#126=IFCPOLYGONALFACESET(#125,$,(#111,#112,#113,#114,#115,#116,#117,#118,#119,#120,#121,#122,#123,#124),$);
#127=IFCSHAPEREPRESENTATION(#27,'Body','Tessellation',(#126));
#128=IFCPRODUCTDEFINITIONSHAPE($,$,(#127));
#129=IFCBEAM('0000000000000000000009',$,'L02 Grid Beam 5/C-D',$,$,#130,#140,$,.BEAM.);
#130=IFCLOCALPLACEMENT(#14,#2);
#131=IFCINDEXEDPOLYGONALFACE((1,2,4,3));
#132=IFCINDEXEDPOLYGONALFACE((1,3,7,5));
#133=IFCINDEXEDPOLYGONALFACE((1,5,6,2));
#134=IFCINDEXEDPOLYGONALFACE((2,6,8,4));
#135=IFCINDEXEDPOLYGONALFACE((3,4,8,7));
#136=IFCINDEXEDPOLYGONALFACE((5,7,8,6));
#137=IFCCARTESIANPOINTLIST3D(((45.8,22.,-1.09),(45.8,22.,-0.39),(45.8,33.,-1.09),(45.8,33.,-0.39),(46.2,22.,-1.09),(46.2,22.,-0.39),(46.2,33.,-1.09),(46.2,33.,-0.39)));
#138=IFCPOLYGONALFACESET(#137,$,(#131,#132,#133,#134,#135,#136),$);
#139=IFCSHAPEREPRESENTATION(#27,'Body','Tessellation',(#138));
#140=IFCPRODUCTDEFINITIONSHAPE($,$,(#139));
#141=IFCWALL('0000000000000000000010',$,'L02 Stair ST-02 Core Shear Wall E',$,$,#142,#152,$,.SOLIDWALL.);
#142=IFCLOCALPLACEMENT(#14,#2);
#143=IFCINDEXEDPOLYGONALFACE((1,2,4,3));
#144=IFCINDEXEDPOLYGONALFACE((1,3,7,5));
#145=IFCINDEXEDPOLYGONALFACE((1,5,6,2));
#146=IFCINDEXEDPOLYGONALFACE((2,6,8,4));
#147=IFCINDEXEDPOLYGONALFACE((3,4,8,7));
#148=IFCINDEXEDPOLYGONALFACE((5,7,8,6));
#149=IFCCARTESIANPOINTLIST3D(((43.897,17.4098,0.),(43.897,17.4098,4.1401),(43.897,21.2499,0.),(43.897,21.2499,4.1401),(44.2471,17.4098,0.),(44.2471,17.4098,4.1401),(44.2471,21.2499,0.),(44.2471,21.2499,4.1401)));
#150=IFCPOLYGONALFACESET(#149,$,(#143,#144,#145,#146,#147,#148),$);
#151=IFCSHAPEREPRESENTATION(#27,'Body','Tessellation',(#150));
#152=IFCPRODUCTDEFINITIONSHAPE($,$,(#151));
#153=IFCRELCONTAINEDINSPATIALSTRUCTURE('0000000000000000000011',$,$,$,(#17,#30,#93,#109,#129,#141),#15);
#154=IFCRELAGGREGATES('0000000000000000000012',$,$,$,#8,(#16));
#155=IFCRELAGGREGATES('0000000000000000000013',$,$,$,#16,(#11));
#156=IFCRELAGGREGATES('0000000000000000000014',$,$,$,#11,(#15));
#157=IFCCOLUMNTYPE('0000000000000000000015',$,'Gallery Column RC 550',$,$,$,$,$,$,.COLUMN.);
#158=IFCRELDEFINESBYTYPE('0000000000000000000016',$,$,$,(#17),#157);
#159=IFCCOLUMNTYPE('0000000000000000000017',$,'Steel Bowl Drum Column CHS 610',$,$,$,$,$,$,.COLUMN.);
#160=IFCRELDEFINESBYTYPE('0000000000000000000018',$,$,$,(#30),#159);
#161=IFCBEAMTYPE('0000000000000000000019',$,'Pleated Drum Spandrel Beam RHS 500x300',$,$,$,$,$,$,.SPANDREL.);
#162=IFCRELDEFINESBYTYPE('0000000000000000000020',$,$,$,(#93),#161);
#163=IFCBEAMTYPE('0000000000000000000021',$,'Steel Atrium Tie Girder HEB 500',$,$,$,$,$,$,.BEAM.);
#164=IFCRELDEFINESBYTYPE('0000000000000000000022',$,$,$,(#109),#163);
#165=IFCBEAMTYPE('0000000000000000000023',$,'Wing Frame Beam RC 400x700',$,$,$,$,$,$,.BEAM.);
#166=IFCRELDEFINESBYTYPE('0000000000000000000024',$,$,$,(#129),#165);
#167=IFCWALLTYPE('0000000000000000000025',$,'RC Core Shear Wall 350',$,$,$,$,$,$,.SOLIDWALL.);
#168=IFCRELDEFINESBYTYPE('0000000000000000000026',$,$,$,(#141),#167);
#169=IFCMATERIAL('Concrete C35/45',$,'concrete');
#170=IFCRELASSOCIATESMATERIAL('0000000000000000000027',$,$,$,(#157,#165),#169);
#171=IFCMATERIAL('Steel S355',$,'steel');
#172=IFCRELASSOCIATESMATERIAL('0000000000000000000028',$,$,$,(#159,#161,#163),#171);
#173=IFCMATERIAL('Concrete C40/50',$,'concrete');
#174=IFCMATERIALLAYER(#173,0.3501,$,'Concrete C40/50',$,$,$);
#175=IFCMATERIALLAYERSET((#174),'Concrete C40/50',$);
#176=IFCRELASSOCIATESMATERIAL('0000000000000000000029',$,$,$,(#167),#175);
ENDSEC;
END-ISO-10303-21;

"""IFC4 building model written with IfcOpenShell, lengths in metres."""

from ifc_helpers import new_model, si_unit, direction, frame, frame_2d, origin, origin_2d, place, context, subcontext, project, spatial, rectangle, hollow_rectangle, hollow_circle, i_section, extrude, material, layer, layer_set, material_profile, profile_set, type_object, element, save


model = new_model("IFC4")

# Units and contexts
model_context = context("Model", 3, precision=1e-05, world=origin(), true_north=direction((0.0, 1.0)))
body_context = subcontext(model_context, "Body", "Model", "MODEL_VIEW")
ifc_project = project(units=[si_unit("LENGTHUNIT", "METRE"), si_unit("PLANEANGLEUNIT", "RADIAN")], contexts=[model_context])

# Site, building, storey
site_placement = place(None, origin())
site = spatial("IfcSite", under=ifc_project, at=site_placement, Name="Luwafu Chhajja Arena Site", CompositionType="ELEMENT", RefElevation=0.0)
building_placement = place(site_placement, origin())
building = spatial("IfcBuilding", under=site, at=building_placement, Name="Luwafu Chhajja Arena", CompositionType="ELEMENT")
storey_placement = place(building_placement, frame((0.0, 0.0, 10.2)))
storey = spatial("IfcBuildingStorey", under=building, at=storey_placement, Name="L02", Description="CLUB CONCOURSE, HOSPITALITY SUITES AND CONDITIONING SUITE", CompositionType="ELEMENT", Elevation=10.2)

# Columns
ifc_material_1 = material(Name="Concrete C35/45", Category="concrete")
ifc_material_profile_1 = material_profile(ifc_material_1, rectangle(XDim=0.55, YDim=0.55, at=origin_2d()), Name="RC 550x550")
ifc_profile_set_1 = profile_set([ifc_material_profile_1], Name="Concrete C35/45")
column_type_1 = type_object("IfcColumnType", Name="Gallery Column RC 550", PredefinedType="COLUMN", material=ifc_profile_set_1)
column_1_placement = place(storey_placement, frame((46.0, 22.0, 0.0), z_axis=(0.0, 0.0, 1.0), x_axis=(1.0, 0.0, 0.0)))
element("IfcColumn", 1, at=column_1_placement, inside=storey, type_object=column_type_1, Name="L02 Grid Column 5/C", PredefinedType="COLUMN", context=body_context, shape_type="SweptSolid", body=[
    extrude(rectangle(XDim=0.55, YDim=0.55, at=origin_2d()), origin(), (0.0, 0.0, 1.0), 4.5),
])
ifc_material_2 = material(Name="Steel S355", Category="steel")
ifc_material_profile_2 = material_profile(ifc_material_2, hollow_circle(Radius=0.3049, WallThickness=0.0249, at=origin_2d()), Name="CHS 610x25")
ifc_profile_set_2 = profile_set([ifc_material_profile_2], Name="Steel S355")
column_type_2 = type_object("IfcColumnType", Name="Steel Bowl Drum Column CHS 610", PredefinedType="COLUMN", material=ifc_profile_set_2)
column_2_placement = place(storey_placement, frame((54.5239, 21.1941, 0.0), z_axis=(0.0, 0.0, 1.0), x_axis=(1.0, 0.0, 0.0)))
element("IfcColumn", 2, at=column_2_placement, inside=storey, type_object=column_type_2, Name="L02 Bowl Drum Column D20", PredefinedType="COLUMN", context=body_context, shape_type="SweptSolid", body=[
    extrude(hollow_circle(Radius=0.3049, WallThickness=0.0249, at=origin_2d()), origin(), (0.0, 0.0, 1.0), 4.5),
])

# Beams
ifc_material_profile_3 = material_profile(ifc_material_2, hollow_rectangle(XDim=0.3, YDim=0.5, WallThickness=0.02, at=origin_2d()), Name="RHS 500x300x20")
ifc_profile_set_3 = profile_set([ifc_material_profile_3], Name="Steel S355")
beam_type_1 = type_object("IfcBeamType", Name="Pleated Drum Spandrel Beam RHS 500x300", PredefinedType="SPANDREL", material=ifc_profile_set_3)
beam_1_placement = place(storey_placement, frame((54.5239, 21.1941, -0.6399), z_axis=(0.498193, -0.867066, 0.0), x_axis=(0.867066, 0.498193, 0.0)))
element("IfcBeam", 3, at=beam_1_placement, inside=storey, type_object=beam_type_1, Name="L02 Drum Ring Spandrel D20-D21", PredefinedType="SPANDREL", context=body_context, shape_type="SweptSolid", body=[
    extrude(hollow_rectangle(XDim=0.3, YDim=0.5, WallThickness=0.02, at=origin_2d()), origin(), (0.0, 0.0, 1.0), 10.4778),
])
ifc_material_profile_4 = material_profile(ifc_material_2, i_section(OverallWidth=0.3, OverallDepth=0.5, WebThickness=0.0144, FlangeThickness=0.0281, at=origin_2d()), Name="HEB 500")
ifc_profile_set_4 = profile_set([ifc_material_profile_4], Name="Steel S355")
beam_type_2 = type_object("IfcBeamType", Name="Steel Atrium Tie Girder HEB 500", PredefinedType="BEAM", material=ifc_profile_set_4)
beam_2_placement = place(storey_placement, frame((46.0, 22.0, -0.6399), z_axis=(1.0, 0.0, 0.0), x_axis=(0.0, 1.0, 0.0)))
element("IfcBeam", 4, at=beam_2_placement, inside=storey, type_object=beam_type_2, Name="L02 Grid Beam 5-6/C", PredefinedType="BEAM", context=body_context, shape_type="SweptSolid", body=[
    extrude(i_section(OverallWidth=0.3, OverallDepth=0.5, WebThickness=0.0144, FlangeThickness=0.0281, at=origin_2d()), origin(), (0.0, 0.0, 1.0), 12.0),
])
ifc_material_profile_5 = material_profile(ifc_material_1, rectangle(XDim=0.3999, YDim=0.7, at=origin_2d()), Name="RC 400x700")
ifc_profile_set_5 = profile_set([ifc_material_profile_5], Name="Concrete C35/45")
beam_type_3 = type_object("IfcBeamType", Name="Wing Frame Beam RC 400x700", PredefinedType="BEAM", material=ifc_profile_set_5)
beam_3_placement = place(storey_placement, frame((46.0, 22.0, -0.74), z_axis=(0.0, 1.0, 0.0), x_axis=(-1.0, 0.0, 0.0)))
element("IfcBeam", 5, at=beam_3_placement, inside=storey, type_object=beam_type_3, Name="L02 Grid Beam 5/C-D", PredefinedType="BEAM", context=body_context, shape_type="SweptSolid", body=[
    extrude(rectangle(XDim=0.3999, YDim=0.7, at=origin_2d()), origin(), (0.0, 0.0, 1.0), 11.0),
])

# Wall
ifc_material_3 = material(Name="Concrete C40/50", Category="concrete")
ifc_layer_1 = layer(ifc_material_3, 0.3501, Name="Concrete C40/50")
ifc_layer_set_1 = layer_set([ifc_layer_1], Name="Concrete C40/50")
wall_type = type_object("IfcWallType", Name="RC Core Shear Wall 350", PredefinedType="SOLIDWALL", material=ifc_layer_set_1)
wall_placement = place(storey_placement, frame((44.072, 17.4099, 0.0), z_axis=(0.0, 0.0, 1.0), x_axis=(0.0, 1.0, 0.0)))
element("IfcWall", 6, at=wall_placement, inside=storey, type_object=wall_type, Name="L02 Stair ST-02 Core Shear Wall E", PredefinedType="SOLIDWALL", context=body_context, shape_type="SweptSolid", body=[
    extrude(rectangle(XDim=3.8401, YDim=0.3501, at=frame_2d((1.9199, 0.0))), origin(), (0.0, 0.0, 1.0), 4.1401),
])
* * *
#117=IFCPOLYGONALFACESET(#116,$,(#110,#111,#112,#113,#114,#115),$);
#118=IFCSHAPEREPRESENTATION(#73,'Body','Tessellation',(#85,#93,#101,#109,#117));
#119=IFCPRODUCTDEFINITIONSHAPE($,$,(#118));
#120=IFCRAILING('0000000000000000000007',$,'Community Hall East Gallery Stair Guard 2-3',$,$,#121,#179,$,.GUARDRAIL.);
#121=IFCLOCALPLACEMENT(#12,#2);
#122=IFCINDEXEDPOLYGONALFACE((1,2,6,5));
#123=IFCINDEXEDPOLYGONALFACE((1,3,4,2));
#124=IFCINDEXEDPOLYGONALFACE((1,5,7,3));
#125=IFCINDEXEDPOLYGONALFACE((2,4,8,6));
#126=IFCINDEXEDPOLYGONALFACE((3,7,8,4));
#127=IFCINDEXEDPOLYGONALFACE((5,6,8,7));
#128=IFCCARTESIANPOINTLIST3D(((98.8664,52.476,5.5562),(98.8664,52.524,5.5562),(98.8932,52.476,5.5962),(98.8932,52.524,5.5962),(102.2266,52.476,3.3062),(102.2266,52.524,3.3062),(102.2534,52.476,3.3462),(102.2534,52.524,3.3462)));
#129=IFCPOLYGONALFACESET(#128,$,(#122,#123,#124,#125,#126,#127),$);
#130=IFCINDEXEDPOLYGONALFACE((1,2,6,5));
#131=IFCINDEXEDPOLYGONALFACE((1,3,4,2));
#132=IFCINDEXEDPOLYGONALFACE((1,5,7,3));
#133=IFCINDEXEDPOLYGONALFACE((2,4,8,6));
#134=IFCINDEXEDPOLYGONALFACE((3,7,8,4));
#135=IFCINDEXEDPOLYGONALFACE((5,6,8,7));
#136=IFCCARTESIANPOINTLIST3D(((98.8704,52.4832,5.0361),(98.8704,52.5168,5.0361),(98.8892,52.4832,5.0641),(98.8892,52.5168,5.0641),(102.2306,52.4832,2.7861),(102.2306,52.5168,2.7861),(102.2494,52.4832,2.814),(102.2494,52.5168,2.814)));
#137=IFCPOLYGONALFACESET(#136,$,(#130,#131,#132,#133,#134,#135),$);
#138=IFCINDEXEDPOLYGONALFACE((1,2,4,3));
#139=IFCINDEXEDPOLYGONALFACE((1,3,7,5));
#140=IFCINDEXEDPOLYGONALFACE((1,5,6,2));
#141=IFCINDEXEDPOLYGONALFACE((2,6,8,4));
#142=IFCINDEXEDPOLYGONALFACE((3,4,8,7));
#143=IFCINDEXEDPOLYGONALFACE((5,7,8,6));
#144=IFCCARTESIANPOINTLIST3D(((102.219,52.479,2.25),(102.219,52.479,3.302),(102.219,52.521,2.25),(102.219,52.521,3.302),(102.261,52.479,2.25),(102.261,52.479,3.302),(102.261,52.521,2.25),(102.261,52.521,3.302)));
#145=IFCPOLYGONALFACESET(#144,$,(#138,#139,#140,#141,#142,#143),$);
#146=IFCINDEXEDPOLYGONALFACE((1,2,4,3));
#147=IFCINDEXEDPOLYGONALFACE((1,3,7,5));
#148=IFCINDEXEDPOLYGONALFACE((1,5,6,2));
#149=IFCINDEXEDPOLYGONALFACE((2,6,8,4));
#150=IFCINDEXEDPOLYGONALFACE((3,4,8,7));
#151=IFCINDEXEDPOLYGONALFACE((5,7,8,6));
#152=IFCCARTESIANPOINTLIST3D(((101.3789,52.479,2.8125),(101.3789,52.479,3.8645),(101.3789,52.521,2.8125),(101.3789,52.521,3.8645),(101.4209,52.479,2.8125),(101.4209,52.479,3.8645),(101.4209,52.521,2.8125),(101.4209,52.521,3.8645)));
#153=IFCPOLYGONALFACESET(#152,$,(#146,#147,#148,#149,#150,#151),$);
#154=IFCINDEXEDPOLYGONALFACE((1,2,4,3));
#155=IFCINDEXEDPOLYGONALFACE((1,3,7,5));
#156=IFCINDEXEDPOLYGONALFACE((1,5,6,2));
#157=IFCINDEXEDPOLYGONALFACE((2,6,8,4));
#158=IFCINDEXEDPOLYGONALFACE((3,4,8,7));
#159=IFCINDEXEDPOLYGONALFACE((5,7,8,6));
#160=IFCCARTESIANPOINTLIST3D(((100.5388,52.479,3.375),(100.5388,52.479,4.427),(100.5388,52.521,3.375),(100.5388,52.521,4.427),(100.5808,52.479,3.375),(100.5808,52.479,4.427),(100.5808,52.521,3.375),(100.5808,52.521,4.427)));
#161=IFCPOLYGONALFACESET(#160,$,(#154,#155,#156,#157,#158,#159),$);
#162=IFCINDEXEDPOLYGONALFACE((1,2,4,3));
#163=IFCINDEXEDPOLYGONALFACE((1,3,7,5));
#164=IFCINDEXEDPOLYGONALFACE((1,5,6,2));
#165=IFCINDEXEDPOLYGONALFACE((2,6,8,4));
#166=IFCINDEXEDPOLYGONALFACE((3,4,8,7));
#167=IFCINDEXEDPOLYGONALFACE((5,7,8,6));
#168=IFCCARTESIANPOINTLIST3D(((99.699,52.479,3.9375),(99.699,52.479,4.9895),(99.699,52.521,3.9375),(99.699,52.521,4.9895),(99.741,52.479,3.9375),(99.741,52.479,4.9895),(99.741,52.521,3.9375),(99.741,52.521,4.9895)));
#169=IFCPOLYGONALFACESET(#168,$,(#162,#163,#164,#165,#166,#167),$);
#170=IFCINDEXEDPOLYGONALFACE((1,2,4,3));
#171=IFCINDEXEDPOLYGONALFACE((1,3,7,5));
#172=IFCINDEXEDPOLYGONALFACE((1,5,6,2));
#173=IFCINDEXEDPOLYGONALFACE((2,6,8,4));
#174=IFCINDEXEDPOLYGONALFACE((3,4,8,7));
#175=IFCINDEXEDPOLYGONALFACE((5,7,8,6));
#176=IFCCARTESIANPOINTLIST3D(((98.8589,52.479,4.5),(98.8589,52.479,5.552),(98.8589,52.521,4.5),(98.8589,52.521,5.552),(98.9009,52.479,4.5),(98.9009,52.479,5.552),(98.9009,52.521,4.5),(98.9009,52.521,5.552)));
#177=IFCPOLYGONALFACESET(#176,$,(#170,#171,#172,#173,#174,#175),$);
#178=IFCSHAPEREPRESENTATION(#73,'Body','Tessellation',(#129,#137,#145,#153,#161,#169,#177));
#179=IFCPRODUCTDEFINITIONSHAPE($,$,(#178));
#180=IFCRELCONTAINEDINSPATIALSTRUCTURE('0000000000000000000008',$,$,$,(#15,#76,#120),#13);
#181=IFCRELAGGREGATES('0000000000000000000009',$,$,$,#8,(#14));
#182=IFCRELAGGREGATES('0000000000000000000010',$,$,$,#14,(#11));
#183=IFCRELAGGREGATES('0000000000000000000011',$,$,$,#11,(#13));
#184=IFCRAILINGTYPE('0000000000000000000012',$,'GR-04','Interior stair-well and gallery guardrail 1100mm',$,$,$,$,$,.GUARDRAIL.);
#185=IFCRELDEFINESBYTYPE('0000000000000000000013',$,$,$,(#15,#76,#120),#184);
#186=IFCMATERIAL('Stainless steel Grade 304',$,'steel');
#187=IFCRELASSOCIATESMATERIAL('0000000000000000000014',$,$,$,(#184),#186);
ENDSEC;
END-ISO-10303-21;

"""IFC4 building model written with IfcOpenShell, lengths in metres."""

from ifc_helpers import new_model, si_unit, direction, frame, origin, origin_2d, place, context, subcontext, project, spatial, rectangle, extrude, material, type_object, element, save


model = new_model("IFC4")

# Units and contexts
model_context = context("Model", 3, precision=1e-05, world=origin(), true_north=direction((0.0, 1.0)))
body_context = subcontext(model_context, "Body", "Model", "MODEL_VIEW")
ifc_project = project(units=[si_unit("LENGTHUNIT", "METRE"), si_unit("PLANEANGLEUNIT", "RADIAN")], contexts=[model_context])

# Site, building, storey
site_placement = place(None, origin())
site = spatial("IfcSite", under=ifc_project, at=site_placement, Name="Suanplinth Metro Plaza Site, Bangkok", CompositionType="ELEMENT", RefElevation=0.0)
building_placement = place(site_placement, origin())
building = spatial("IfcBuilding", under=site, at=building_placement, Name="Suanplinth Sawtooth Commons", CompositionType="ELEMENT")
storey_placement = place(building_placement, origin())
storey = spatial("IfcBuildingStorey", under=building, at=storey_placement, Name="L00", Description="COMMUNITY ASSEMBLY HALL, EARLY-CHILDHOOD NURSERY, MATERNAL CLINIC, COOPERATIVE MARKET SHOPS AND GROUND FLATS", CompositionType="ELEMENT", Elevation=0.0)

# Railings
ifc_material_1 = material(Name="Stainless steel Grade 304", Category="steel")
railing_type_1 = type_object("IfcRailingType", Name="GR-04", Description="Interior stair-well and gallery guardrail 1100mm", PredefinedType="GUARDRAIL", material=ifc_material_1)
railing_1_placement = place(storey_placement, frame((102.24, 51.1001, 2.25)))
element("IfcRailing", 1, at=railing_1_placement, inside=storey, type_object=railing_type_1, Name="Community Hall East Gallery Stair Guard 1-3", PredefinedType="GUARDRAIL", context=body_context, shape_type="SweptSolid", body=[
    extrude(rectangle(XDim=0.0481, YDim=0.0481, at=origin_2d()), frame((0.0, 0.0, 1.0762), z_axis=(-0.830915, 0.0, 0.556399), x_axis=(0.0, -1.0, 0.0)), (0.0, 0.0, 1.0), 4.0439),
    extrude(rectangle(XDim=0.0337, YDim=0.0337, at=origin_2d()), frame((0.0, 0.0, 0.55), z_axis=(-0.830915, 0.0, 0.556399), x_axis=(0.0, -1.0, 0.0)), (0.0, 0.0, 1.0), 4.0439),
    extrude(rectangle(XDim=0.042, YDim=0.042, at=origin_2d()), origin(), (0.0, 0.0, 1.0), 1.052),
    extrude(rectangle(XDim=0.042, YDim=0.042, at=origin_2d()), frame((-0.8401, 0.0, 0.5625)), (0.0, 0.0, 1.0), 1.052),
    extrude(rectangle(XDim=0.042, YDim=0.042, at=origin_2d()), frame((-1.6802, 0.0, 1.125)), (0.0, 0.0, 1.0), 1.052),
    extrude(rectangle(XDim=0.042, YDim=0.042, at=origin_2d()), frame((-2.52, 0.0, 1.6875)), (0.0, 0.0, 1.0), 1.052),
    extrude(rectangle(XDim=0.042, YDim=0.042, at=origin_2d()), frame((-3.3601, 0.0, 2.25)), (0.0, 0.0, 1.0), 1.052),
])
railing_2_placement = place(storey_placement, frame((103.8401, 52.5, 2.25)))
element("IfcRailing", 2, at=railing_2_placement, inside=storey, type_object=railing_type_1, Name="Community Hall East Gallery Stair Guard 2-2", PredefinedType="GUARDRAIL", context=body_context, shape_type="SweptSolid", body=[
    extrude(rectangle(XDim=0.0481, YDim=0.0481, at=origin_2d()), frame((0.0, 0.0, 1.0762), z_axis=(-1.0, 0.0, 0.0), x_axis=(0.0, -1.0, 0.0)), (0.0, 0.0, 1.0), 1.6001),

### Task objective
The exact lines of the material above starting at the one that contains "#163=IFCINDEXEDPOLYGONALFACE((1,3,7,5));" and ending at the one that contains "#167=IFCINDEXEDPOLYGONALFACE((5,7,8,6));" are what to retype; leave out everything else.

### Solution to this task
#163=IFCINDEXEDPOLYGONALFACE((1,3,7,5));
#164=IFCINDEXEDPOLYGONALFACE((1,5,6,2));
#165=IFCINDEXEDPOLYGONALFACE((2,6,8,4));
#166=IFCINDEXEDPOLYGONALFACE((3,4,8,7));
#167=IFCINDEXEDPOLYGONALFACE((5,7,8,6));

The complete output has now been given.